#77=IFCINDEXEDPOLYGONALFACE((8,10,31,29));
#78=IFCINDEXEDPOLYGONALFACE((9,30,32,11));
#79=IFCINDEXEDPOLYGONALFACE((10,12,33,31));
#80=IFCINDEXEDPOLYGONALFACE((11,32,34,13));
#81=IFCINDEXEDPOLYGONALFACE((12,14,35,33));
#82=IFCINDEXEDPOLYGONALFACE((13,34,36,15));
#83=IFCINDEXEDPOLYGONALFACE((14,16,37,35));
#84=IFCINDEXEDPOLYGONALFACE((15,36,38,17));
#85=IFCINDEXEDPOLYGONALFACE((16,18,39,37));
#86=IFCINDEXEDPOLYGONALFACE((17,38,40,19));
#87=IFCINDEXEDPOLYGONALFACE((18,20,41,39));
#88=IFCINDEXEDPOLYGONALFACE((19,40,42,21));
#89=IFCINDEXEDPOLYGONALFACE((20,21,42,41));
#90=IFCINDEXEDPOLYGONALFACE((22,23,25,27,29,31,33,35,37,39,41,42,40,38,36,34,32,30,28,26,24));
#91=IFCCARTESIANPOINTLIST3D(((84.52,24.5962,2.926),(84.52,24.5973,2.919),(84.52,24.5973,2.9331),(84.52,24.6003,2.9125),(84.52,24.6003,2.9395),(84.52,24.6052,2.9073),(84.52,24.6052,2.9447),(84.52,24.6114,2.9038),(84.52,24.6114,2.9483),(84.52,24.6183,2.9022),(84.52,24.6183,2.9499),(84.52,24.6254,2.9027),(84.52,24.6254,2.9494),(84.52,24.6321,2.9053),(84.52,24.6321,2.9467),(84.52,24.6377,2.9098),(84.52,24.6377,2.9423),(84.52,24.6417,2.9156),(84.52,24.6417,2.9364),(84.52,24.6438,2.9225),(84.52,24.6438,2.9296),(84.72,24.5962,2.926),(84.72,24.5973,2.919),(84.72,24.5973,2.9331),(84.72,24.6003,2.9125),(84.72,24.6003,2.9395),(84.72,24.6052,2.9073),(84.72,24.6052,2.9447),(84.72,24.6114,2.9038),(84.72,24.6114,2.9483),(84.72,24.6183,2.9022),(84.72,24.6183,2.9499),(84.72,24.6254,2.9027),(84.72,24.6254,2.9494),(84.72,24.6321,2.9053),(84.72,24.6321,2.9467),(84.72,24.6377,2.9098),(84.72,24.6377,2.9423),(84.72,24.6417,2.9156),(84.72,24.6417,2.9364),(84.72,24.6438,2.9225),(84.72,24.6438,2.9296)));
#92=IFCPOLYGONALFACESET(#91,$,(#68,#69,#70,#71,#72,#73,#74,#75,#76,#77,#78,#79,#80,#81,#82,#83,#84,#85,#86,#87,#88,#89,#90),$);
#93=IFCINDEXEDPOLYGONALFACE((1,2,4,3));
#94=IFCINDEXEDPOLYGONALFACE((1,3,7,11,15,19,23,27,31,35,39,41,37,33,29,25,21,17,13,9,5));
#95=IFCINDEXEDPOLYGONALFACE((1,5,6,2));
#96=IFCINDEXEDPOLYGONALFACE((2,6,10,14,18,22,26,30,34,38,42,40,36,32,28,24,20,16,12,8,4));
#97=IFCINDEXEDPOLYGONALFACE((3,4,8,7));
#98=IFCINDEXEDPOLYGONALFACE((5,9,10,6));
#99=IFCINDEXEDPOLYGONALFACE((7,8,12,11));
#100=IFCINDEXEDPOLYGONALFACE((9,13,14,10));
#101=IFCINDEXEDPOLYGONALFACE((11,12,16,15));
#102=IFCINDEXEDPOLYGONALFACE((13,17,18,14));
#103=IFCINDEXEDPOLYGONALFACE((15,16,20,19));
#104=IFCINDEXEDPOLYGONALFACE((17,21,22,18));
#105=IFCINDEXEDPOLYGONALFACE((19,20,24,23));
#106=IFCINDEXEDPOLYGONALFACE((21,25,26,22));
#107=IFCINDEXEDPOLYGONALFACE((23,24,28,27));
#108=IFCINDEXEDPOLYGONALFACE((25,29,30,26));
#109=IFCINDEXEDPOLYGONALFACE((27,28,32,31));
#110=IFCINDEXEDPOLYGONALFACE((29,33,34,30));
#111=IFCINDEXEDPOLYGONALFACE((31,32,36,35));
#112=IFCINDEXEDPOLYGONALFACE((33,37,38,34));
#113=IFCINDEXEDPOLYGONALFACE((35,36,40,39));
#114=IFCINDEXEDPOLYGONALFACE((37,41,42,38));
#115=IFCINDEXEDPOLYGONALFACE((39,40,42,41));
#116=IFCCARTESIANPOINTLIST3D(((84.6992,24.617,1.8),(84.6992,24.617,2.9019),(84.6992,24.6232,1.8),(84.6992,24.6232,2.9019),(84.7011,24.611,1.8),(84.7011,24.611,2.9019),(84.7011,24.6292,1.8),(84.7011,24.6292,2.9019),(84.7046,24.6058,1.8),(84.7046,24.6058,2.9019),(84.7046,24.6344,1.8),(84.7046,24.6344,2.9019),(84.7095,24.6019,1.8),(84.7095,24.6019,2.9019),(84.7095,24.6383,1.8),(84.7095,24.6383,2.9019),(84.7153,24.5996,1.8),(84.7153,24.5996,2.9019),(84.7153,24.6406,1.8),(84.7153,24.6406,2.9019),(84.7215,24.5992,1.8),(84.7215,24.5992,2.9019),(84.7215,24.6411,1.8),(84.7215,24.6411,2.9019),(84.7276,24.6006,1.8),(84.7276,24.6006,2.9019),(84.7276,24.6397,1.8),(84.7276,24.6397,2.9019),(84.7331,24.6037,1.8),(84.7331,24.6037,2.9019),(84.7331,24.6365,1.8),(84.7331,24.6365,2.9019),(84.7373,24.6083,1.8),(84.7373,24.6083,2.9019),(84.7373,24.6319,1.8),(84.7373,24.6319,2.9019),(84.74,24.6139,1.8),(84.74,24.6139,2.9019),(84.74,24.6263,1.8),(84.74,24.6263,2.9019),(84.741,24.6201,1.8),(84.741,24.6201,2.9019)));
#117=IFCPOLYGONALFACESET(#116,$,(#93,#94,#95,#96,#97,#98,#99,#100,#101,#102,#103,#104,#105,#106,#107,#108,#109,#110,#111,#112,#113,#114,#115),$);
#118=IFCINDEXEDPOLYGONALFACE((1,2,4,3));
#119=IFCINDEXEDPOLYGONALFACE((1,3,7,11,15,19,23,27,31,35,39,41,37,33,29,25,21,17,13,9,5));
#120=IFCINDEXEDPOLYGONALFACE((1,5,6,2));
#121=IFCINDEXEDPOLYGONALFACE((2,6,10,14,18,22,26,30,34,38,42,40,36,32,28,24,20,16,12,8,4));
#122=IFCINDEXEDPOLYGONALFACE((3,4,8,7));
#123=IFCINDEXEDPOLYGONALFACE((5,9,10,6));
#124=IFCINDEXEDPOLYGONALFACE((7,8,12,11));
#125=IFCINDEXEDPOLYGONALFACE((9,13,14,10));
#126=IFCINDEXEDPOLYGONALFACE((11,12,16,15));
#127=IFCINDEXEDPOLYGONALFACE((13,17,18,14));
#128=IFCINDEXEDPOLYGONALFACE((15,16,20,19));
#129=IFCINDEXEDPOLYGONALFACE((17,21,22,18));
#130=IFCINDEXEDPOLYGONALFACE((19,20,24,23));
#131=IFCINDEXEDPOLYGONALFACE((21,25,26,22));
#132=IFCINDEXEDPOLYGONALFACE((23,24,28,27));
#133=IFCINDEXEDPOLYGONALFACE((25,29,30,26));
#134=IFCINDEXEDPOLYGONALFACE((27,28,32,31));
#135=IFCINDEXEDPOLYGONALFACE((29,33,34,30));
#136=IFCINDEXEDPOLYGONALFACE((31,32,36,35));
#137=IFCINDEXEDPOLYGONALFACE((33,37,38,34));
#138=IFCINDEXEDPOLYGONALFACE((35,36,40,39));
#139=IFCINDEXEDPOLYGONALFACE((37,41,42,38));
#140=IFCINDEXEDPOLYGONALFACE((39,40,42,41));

+-------+

*Problem statement*
Write out exactly the lines from the start of the material through the line with "#89=IFCINDEXEDPOLYGONALFACE((20,21,42,41));". No other output is expected.

*Solution*
#77=IFCINDEXEDPOLYGONALFACE((8,10,31,29));
#78=IFCINDEXEDPOLYGONALFACE((9,30,32,11));
#79=IFCINDEXEDPOLYGONALFACE((10,12,33,31));
#80=IFCINDEXEDPOLYGONALFACE((11,32,34,13));
#81=IFCINDEXEDPOLYGONALFACE((12,14,35,33));
#82=IFCINDEXEDPOLYGONALFACE((13,34,36,15));
#83=IFCINDEXEDPOLYGONALFACE((14,16,37,35));
#84=IFCINDEXEDPOLYGONALFACE((15,36,38,17));
#85=IFCINDEXEDPOLYGONALFACE((16,18,39,37));
#86=IFCINDEXEDPOLYGONALFACE((17,38,40,19));
#87=IFCINDEXEDPOLYGONALFACE((18,20,41,39));
#88=IFCINDEXEDPOLYGONALFACE((19,40,42,21));
#89=IFCINDEXEDPOLYGONALFACE((20,21,42,41));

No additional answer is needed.